» Required work
Below are the records; copy out every line that holds the word "Body".
__________________________________________________
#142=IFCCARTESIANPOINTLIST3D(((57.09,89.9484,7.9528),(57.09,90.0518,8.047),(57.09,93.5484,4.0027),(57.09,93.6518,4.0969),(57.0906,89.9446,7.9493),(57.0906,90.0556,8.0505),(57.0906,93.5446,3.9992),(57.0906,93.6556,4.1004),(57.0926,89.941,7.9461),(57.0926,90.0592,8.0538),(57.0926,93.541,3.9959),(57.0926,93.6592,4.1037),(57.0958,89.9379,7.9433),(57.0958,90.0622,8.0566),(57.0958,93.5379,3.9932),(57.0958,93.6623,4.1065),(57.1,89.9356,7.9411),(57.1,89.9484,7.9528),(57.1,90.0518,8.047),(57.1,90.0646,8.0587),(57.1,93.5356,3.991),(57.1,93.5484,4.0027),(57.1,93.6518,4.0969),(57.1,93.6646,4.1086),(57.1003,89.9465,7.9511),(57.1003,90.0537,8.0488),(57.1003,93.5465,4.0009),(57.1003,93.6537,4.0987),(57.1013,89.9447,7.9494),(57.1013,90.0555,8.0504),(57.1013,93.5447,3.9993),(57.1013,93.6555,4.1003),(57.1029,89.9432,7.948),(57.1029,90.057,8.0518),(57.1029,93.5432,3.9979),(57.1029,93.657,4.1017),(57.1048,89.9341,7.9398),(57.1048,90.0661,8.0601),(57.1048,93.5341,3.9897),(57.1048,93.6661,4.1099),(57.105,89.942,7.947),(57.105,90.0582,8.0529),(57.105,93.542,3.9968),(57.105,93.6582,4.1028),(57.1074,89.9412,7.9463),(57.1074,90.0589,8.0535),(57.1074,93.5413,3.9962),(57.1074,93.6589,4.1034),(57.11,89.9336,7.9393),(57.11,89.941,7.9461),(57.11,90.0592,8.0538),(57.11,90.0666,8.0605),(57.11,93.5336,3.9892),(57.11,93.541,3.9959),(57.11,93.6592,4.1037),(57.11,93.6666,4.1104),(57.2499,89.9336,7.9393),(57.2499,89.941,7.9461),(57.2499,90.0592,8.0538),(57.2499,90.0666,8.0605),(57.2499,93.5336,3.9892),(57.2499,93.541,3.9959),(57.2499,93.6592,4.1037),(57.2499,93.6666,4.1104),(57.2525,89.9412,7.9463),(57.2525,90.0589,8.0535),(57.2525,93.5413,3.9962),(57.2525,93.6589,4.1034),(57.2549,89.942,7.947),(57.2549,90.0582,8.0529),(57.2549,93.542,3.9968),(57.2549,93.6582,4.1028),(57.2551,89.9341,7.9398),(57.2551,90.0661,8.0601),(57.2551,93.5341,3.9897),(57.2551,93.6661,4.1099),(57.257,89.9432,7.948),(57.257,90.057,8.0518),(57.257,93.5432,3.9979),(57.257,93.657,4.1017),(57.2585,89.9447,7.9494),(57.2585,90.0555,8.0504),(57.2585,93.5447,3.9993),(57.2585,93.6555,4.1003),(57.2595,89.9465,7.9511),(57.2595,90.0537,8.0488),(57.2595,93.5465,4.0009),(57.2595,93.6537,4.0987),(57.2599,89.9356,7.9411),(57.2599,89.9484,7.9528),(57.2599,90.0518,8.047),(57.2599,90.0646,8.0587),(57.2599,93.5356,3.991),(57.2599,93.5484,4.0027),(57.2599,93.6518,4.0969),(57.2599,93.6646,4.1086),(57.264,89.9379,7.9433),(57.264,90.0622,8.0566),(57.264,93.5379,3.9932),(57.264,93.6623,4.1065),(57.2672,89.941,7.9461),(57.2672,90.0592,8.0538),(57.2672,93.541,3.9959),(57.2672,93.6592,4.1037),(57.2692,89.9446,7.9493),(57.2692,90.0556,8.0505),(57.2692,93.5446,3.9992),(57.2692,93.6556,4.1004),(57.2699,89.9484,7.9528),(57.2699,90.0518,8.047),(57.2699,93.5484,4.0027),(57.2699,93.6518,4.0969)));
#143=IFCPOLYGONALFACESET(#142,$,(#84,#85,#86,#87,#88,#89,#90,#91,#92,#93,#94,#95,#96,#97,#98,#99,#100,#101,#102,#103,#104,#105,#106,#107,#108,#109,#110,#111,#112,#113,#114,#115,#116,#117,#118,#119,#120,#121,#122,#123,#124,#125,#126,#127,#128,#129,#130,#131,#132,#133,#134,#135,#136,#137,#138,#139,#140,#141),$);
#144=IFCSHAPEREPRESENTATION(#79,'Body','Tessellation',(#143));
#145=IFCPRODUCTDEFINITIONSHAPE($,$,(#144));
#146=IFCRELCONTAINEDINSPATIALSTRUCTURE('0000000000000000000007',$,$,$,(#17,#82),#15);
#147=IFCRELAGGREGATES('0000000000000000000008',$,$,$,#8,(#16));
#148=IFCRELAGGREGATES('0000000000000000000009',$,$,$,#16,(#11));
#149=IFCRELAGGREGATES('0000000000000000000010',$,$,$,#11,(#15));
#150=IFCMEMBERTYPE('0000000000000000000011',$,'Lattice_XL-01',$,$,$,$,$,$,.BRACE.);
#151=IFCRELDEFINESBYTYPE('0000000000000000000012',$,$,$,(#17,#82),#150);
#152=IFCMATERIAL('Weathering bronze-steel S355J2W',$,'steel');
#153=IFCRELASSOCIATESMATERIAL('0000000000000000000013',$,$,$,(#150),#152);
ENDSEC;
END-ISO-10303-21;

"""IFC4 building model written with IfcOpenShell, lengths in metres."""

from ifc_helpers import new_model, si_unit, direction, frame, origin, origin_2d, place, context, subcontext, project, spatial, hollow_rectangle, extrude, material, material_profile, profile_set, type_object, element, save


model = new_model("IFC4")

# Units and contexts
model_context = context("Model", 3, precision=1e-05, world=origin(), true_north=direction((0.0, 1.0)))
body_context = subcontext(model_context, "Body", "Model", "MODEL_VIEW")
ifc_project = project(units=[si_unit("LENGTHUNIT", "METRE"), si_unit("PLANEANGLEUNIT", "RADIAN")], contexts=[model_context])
__________________________________________________
» Result below
#144=IFCSHAPEREPRESENTATION(#79,'Body','Tessellation',(#143));
body_context = subcontext(model_context, "Body", "Model", "MODEL_VIEW")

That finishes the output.